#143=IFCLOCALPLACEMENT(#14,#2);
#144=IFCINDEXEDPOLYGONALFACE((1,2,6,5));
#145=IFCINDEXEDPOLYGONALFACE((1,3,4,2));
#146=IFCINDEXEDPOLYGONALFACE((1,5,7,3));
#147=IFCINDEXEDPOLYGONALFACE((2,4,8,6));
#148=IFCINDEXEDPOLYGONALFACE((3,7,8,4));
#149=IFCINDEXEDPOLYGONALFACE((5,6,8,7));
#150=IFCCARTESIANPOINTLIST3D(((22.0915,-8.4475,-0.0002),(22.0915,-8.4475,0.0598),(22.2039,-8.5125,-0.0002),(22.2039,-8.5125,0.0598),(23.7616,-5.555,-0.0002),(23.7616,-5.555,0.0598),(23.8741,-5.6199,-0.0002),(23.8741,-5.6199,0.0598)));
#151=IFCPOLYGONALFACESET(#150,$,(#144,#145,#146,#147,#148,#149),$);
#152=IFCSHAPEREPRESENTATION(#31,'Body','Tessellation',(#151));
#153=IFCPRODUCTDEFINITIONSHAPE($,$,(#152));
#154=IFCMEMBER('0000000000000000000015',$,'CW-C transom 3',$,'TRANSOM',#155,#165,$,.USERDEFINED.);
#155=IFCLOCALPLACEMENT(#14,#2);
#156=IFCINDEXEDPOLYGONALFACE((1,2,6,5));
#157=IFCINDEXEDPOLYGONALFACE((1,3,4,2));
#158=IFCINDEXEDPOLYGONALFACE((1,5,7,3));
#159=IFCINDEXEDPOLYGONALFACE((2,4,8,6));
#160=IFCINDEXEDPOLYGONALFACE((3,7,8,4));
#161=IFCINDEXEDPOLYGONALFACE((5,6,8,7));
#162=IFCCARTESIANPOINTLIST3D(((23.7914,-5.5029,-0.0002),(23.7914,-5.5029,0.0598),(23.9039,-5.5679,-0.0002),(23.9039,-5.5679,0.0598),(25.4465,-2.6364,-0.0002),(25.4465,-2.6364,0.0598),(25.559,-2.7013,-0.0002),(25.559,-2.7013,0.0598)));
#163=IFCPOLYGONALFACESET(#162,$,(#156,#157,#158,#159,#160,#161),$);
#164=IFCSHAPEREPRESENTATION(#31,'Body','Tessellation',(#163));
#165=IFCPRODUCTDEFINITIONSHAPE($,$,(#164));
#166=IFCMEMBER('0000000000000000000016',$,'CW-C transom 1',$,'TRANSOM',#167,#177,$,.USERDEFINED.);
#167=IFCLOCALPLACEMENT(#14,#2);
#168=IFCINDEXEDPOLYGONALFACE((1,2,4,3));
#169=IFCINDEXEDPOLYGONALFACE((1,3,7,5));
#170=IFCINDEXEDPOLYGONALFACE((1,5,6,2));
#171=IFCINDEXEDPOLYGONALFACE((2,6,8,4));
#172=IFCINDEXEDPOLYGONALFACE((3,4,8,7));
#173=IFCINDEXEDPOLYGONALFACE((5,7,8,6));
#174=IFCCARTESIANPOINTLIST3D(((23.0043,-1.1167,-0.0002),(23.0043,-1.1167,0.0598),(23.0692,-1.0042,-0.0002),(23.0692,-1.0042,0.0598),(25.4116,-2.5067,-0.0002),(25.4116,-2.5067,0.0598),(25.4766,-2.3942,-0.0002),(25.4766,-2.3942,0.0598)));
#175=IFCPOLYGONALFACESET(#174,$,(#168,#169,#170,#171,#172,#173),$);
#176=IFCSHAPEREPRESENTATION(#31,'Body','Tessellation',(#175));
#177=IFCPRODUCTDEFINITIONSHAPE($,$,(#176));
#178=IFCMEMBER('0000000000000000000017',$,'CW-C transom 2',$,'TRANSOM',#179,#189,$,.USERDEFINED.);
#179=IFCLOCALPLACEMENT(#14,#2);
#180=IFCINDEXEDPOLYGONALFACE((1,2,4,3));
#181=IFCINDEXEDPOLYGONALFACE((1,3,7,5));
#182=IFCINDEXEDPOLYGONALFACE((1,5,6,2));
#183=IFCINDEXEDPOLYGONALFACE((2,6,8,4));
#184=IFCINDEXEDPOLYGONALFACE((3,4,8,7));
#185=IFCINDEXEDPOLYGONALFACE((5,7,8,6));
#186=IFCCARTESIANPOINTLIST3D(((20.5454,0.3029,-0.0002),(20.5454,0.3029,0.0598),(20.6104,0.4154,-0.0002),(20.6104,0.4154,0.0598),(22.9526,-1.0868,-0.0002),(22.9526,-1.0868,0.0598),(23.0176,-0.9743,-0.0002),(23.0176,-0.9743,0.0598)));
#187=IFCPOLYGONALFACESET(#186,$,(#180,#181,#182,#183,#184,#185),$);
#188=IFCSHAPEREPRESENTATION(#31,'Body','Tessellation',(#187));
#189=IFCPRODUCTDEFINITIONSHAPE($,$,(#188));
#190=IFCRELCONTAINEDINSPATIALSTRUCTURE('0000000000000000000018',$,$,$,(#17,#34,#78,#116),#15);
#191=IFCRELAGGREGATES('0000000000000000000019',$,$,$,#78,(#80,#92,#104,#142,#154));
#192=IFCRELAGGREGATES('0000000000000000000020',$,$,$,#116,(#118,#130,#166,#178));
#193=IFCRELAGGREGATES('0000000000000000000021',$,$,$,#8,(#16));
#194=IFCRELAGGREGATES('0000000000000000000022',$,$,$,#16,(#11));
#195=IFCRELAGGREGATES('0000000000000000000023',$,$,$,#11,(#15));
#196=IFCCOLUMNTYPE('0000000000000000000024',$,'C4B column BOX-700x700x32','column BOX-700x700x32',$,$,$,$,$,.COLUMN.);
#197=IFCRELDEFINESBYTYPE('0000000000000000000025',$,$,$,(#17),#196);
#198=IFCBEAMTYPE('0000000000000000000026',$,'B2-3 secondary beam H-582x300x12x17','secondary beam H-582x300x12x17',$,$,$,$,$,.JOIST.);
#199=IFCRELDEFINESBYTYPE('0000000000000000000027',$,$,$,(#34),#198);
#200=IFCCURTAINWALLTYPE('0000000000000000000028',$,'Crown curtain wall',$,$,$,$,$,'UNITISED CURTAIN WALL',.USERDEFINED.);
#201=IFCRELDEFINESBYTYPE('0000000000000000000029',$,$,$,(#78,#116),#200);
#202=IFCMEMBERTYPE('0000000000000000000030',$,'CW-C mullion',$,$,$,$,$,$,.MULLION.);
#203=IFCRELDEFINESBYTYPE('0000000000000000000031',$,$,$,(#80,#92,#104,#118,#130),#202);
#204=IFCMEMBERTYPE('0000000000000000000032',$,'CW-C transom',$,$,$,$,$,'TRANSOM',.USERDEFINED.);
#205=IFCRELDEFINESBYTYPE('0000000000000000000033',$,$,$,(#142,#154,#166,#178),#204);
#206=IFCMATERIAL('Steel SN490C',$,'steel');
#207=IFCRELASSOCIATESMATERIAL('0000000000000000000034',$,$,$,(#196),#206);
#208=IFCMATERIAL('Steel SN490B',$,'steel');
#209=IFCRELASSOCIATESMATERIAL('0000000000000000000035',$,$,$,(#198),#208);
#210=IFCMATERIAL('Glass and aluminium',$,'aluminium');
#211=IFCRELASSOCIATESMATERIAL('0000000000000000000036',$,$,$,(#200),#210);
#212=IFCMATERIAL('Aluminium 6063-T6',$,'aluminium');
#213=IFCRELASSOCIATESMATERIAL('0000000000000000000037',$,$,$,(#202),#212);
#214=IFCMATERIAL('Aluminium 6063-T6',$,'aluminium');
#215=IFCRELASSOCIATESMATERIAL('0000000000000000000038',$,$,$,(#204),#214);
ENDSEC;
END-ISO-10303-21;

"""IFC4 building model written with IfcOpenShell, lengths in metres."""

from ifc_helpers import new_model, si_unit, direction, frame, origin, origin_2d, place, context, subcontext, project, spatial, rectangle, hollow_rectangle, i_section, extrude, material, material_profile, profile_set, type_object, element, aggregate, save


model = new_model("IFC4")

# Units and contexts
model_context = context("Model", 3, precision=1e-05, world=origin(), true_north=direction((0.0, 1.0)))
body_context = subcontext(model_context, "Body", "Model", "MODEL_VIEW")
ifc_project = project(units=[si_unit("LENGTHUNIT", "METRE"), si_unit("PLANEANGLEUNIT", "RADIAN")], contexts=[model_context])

» **ASSIGNMENT**
Would you output, from the records above, exactly the run of lines that starts at the line containing "#208=IFCMATERIAL('Steel SN490B',$,'steel');" and ends at the line containing "#214=IFCMATERIAL('Aluminium 6063-T6',$,'aluminium');", and only that run?

» **SOLUTION TO THIS PROBLEM**
#208=IFCMATERIAL('Steel SN490B',$,'steel');
#209=IFCRELASSOCIATESMATERIAL('0000000000000000000035',$,$,$,(#198),#208);
#210=IFCMATERIAL('Glass and aluminium',$,'aluminium');
#211=IFCRELASSOCIATESMATERIAL('0000000000000000000036',$,$,$,(#200),#210);
#212=IFCMATERIAL('Aluminium 6063-T6',$,'aluminium');
#213=IFCRELASSOCIATESMATERIAL('0000000000000000000037',$,$,$,(#202),#212);
#214=IFCMATERIAL('Aluminium 6063-T6',$,'aluminium');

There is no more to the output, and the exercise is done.